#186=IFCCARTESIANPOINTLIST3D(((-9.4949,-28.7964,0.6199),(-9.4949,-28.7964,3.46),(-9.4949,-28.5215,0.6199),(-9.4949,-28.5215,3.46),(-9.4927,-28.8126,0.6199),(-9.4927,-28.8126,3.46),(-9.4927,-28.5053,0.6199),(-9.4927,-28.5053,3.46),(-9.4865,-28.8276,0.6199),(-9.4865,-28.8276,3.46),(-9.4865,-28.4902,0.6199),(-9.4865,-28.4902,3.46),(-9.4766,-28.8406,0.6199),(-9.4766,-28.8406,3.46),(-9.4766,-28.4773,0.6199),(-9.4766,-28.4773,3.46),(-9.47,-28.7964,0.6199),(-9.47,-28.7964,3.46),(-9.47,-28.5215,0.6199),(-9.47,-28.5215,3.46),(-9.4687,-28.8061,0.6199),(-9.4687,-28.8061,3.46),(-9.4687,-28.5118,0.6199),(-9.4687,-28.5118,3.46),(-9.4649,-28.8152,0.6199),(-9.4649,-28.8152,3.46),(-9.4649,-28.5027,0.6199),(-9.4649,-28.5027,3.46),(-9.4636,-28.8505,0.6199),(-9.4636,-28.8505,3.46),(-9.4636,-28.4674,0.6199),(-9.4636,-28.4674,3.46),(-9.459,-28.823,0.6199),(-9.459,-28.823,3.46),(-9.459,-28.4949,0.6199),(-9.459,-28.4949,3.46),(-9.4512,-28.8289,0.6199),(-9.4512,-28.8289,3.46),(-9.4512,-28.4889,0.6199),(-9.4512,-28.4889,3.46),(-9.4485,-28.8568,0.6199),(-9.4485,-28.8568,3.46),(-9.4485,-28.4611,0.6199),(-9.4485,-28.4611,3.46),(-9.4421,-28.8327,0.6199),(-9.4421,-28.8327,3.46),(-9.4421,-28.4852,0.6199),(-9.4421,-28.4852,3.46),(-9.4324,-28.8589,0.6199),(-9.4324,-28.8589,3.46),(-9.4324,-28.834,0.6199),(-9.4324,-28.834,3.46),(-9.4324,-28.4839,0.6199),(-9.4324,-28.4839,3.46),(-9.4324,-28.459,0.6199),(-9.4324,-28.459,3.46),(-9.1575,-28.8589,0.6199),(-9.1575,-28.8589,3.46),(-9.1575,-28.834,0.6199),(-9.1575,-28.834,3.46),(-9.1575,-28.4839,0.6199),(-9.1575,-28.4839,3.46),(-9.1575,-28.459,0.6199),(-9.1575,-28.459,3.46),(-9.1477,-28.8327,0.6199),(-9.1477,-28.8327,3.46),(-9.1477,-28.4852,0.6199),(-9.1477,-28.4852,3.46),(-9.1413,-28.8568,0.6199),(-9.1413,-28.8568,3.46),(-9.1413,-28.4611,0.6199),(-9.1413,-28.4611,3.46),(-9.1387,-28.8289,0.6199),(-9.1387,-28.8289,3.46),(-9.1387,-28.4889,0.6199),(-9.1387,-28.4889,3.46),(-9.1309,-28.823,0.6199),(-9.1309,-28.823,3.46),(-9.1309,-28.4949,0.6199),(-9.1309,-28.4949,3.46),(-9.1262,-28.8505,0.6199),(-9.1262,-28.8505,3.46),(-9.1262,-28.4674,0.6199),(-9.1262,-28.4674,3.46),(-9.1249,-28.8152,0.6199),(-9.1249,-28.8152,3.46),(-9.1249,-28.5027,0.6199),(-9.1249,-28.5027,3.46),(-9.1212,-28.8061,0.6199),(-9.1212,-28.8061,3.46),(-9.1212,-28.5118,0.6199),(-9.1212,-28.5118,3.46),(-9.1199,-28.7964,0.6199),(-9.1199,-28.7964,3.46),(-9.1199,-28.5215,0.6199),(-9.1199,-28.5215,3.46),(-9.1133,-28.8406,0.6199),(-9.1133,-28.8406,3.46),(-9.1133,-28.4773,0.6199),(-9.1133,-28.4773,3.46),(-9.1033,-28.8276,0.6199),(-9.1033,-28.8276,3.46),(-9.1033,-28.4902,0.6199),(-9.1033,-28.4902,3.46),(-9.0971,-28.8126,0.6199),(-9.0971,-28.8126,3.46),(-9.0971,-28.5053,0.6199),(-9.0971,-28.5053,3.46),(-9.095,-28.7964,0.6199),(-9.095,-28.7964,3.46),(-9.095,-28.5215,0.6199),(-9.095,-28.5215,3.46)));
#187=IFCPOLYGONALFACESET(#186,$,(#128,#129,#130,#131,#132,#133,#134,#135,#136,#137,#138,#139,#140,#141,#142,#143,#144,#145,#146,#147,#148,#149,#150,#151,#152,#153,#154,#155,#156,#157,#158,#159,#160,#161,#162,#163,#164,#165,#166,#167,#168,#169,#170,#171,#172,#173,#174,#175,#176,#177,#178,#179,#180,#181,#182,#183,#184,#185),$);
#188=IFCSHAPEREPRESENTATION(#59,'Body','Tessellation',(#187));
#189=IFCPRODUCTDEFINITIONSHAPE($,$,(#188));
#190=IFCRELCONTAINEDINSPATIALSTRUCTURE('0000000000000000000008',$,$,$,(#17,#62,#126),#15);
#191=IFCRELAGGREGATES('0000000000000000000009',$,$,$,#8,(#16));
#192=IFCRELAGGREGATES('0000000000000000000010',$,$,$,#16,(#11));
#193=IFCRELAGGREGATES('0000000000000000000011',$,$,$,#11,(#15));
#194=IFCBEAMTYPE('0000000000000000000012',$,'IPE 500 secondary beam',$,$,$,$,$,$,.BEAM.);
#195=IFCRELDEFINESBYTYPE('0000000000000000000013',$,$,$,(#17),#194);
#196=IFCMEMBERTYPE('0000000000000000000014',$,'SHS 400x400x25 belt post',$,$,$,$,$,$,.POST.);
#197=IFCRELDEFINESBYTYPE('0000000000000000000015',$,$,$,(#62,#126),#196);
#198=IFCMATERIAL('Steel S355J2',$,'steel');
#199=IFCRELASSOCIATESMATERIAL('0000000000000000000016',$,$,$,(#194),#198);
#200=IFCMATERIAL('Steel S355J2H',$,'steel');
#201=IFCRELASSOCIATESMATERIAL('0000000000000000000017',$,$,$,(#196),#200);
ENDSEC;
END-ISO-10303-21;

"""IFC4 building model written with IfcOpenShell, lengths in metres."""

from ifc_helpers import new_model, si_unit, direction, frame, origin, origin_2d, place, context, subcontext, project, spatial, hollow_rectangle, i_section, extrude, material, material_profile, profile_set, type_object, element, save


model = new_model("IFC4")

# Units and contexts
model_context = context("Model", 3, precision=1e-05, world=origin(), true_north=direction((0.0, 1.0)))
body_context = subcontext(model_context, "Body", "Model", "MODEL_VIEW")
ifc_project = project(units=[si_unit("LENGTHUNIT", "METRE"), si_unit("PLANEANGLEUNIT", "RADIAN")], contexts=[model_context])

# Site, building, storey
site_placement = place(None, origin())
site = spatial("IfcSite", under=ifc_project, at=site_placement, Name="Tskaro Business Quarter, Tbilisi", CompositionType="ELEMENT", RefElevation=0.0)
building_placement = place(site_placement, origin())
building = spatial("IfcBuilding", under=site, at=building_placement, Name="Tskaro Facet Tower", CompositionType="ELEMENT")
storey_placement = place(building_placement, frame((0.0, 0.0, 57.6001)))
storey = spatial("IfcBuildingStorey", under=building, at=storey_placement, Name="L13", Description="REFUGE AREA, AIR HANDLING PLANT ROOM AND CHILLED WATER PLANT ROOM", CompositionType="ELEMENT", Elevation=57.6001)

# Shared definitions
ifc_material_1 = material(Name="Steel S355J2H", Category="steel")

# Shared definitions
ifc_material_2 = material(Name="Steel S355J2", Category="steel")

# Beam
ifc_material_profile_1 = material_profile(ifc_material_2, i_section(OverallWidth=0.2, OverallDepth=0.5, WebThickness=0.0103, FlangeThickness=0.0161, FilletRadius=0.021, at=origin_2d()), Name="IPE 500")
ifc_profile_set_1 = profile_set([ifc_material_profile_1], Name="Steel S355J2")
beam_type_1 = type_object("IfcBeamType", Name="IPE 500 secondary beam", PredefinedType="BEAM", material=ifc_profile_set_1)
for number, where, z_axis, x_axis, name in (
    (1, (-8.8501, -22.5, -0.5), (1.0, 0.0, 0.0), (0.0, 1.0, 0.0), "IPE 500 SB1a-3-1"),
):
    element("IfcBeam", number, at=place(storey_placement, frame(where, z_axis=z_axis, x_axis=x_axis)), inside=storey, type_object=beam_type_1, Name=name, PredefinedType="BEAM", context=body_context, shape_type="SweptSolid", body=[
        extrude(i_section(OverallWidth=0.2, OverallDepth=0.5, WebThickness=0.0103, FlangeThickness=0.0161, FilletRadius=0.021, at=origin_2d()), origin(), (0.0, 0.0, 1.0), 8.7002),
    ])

——————

An exact copy of the lines from the one containing "# Site, building, storey" through the end of the entries is required, and nothing beyond them.

# Site, building, storey
site_placement = place(None, origin())
site = spatial("IfcSite", under=ifc_project, at=site_placement, Name="Tskaro Business Quarter, Tbilisi", CompositionType="ELEMENT", RefElevation=0.0)
building_placement = place(site_placement, origin())
building = spatial("IfcBuilding", under=site, at=building_placement, Name="Tskaro Facet Tower", CompositionType="ELEMENT")
storey_placement = place(building_placement, frame((0.0, 0.0, 57.6001)))
storey = spatial("IfcBuildingStorey", under=building, at=storey_placement, Name="L13", Description="REFUGE AREA, AIR HANDLING PLANT ROOM AND CHILLED WATER PLANT ROOM", CompositionType="ELEMENT", Elevation=57.6001)

# Shared definitions
ifc_material_1 = material(Name="Steel S355J2H", Category="steel")

# Shared definitions
ifc_material_2 = material(Name="Steel S355J2", Category="steel")

# Beam
ifc_material_profile_1 = material_profile(ifc_material_2, i_section(OverallWidth=0.2, OverallDepth=0.5, WebThickness=0.0103, FlangeThickness=0.0161, FilletRadius=0.021, at=origin_2d()), Name="IPE 500")
ifc_profile_set_1 = profile_set([ifc_material_profile_1], Name="Steel S355J2")
beam_type_1 = type_object("IfcBeamType", Name="IPE 500 secondary beam", PredefinedType="BEAM", material=ifc_profile_set_1)
for number, where, z_axis, x_axis, name in (
    (1, (-8.8501, -22.5, -0.5), (1.0, 0.0, 0.0), (0.0, 1.0, 0.0), "IPE 500 SB1a-3-1"),
):
    element("IfcBeam", number, at=place(storey_placement, frame(where, z_axis=z_axis, x_axis=x_axis)), inside=storey, type_object=beam_type_1, Name=name, PredefinedType="BEAM", context=body_context, shape_type="SweptSolid", body=[
        extrude(i_section(OverallWidth=0.2, OverallDepth=0.5, WebThickness=0.0103, FlangeThickness=0.0161, FilletRadius=0.021, at=origin_2d()), origin(), (0.0, 0.0, 1.0), 8.7002),
    ])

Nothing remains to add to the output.